------ Provided data
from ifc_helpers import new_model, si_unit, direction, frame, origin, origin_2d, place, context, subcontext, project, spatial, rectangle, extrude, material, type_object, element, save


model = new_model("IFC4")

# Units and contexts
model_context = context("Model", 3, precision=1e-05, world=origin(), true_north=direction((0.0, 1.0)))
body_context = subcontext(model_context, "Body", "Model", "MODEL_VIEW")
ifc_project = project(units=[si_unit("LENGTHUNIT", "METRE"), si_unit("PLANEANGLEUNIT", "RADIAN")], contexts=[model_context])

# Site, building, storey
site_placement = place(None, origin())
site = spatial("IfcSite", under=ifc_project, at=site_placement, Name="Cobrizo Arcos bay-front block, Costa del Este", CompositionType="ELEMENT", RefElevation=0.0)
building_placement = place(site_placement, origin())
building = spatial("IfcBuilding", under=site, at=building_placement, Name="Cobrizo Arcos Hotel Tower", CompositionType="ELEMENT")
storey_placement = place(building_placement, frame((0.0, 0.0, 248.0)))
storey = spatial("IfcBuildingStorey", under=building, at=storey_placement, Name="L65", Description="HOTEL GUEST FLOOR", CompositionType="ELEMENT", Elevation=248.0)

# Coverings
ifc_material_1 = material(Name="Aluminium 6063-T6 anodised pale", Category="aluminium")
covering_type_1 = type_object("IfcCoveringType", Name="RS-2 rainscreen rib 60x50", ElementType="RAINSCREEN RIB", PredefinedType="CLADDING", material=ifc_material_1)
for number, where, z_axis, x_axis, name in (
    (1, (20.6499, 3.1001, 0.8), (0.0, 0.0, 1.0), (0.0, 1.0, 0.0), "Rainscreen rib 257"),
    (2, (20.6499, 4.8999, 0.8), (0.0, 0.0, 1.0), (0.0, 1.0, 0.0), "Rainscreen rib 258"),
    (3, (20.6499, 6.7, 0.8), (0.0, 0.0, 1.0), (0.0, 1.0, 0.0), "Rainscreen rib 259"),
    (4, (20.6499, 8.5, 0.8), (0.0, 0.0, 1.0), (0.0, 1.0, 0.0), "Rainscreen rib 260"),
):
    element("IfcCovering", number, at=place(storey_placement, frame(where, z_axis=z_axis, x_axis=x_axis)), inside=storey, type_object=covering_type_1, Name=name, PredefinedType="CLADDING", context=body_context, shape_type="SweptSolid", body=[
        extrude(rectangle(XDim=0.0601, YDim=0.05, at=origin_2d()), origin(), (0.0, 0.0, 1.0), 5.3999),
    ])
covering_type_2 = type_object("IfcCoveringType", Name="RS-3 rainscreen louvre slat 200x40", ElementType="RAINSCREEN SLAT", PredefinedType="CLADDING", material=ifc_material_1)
------------
● **To do**: You are asked to transcribe the complete data exactly.

● **Output**:
from ifc_helpers import new_model, si_unit, direction, frame, origin, origin_2d, place, context, subcontext, project, spatial, rectangle, extrude, material, type_object, element, save


model = new_model("IFC4")

# Units and contexts
model_context = context("Model", 3, precision=1e-05, world=origin(), true_north=direction((0.0, 1.0)))
body_context = subcontext(model_context, "Body", "Model", "MODEL_VIEW")
ifc_project = project(units=[si_unit("LENGTHUNIT", "METRE"), si_unit("PLANEANGLEUNIT", "RADIAN")], contexts=[model_context])

# Site, building, storey
site_placement = place(None, origin())
site = spatial("IfcSite", under=ifc_project, at=site_placement, Name="Cobrizo Arcos bay-front block, Costa del Este", CompositionType="ELEMENT", RefElevation=0.0)
building_placement = place(site_placement, origin())
building = spatial("IfcBuilding", under=site, at=building_placement, Name="Cobrizo Arcos Hotel Tower", CompositionType="ELEMENT")
storey_placement = place(building_placement, frame((0.0, 0.0, 248.0)))
storey = spatial("IfcBuildingStorey", under=building, at=storey_placement, Name="L65", Description="HOTEL GUEST FLOOR", CompositionType="ELEMENT", Elevation=248.0)

# Coverings
ifc_material_1 = material(Name="Aluminium 6063-T6 anodised pale", Category="aluminium")
covering_type_1 = type_object("IfcCoveringType", Name="RS-2 rainscreen rib 60x50", ElementType="RAINSCREEN RIB", PredefinedType="CLADDING", material=ifc_material_1)
for number, where, z_axis, x_axis, name in (
    (1, (20.6499, 3.1001, 0.8), (0.0, 0.0, 1.0), (0.0, 1.0, 0.0), "Rainscreen rib 257"),
    (2, (20.6499, 4.8999, 0.8), (0.0, 0.0, 1.0), (0.0, 1.0, 0.0), "Rainscreen rib 258"),
    (3, (20.6499, 6.7, 0.8), (0.0, 0.0, 1.0), (0.0, 1.0, 0.0), "Rainscreen rib 259"),
    (4, (20.6499, 8.5, 0.8), (0.0, 0.0, 1.0), (0.0, 1.0, 0.0), "Rainscreen rib 260"),
):
    element("IfcCovering", number, at=place(storey_placement, frame(where, z_axis=z_axis, x_axis=x_axis)), inside=storey, type_object=covering_type_1, Name=name, PredefinedType="CLADDING", context=body_context, shape_type="SweptSolid", body=[
        extrude(rectangle(XDim=0.0601, YDim=0.05, at=origin_2d()), origin(), (0.0, 0.0, 1.0), 5.3999),
    ])
covering_type_2 = type_object("IfcCoveringType", Name="RS-3 rainscreen louvre slat 200x40", ElementType="RAINSCREEN SLAT", PredefinedType="CLADDING", material=ifc_material_1)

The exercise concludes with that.